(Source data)
===

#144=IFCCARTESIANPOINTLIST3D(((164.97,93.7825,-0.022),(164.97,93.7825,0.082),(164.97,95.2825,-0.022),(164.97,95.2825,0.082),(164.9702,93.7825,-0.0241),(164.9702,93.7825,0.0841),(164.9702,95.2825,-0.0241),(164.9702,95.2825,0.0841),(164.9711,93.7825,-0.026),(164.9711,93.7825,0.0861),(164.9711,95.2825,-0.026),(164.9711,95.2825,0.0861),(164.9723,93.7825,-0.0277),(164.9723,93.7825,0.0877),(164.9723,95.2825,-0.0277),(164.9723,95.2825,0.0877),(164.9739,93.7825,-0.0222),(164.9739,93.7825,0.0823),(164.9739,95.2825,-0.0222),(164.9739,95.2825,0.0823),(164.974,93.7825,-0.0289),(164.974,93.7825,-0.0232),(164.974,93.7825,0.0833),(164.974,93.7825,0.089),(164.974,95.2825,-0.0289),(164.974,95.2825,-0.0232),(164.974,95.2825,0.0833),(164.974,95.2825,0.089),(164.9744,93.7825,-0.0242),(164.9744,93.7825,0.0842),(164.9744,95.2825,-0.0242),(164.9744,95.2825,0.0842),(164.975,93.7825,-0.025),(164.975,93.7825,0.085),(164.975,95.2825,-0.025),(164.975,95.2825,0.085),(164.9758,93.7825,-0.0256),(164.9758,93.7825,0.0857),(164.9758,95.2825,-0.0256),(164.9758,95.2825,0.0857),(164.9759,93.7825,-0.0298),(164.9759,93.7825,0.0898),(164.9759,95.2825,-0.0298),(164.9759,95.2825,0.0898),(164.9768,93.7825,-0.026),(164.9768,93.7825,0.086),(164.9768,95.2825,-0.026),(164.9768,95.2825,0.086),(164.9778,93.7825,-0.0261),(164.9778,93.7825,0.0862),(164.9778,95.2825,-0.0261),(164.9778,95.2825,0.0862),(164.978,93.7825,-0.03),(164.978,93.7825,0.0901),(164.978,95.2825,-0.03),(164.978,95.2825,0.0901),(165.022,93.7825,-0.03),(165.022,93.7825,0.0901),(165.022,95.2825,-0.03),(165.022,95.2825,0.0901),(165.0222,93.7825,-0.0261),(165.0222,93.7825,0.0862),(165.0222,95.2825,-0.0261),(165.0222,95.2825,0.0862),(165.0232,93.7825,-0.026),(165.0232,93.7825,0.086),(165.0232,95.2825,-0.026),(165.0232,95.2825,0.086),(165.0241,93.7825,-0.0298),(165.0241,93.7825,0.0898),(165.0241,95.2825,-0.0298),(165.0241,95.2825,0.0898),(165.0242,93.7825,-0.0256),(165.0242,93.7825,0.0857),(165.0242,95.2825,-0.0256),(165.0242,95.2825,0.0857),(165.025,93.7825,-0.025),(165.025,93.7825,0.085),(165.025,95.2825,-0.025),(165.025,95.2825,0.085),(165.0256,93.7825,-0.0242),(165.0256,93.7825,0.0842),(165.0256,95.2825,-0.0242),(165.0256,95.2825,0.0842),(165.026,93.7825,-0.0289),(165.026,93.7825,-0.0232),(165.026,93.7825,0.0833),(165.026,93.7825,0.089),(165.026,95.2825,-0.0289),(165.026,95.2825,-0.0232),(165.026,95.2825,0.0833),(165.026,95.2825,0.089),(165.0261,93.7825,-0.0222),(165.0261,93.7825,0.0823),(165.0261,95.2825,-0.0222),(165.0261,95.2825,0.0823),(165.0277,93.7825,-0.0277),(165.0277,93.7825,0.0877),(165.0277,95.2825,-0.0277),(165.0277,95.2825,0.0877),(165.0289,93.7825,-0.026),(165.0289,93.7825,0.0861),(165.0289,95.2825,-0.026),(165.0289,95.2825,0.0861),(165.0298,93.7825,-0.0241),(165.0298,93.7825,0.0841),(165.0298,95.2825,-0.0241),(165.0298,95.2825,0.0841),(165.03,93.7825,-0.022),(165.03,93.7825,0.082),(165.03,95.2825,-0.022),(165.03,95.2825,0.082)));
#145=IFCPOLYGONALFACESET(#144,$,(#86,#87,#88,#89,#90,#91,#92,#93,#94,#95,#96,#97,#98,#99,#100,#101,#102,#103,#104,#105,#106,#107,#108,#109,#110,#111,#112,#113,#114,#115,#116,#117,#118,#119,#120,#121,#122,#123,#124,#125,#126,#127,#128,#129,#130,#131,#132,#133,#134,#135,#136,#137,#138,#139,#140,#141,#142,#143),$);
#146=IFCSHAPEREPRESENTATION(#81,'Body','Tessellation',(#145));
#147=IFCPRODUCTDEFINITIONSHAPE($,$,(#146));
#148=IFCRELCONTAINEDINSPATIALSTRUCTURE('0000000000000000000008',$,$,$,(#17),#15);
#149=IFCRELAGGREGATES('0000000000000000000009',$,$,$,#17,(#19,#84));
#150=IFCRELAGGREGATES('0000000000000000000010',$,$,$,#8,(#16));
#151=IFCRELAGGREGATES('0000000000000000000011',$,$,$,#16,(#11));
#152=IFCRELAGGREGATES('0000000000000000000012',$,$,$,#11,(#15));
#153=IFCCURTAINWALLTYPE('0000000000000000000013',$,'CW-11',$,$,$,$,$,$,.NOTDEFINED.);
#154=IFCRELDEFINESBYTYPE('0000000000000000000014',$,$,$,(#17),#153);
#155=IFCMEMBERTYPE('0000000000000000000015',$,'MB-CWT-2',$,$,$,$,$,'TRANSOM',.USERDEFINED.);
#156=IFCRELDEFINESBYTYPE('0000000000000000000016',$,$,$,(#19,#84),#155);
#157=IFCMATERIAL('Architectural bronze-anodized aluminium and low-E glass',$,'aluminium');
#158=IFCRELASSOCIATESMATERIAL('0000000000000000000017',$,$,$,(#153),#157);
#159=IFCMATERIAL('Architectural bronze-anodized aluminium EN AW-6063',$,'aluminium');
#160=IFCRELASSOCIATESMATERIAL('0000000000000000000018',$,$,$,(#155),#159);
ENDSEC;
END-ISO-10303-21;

===

[Problem details] Only lines that contain the string "IFCRELDEFINESBYTYPE" count; pick each one out of the records and copy it.

[Reply]
#154=IFCRELDEFINESBYTYPE('0000000000000000000014',$,$,$,(#17),#153);
#156=IFCRELDEFINESBYTYPE('0000000000000000000016',$,$,$,(#19,#84),#155);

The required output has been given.